[Dataset entries]
#####

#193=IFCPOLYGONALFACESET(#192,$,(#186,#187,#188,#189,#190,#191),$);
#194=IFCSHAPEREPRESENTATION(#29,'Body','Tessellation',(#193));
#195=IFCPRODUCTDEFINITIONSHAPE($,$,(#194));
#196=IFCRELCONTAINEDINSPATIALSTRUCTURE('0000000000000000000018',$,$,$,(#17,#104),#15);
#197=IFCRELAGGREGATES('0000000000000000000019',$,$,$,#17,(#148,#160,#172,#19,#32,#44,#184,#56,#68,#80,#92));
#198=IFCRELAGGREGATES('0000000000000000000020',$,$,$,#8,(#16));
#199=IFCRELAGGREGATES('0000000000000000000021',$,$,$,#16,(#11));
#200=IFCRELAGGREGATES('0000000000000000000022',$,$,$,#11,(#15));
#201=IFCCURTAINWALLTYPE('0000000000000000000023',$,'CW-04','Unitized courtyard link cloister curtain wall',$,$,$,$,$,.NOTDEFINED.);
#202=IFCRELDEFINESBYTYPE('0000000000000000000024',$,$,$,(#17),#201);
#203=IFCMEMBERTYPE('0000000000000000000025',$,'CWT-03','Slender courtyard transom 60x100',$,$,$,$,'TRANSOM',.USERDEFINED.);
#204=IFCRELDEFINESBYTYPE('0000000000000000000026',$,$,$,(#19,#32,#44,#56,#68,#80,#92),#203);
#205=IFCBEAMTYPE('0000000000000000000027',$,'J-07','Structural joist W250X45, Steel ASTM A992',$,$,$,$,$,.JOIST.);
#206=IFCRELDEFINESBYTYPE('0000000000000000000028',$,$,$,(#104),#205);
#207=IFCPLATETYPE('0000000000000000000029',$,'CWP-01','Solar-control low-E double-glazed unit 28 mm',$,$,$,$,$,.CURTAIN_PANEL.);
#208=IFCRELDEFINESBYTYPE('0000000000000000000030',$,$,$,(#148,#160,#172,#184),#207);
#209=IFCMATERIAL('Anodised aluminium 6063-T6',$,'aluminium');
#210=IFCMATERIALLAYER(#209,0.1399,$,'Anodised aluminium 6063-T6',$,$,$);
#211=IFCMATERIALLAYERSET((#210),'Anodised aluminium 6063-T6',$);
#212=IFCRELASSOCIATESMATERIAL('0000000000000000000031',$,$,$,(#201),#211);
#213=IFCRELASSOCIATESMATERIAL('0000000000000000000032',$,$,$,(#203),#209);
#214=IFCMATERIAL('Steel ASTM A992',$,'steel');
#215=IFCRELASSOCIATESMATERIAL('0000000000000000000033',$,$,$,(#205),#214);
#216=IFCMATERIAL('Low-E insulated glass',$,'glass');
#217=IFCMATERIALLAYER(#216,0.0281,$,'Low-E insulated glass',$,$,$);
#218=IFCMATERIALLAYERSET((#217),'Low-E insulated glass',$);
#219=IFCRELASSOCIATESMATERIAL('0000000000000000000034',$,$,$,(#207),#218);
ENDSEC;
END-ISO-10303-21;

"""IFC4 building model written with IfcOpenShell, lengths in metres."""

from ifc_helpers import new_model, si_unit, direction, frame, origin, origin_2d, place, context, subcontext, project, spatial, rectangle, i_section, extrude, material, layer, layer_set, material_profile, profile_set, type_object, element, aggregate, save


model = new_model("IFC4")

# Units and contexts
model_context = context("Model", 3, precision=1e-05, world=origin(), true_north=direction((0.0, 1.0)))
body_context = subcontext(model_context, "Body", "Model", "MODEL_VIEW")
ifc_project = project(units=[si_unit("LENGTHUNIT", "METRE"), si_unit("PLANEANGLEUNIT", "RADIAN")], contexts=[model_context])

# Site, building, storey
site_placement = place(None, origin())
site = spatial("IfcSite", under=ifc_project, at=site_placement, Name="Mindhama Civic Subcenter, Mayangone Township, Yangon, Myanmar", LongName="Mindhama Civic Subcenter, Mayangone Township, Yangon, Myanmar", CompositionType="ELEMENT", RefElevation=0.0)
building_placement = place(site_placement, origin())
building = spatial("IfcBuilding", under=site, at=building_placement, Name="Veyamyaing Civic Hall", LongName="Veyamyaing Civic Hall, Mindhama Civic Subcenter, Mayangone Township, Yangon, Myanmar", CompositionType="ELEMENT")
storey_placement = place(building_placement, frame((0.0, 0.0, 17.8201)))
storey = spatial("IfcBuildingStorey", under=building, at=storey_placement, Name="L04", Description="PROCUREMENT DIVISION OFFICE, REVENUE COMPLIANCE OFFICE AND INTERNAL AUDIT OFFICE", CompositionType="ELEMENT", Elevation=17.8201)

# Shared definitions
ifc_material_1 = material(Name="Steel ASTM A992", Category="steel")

#####

Using the records above, restate word for word the lines from the one with "Civic Hall, Mindhama" through the one with "DIVISION OFFICE, REVENUE", both included.

## Answer section
building = spatial("IfcBuilding", under=site, at=building_placement, Name="Veyamyaing Civic Hall", LongName="Veyamyaing Civic Hall, Mindhama Civic Subcenter, Mayangone Township, Yangon, Myanmar", CompositionType="ELEMENT")
storey_placement = place(building_placement, frame((0.0, 0.0, 17.8201)))
storey = spatial("IfcBuildingStorey", under=building, at=storey_placement, Name="L04", Description="PROCUREMENT DIVISION OFFICE, REVENUE COMPLIANCE OFFICE AND INTERNAL AUDIT OFFICE", CompositionType="ELEMENT", Elevation=17.8201)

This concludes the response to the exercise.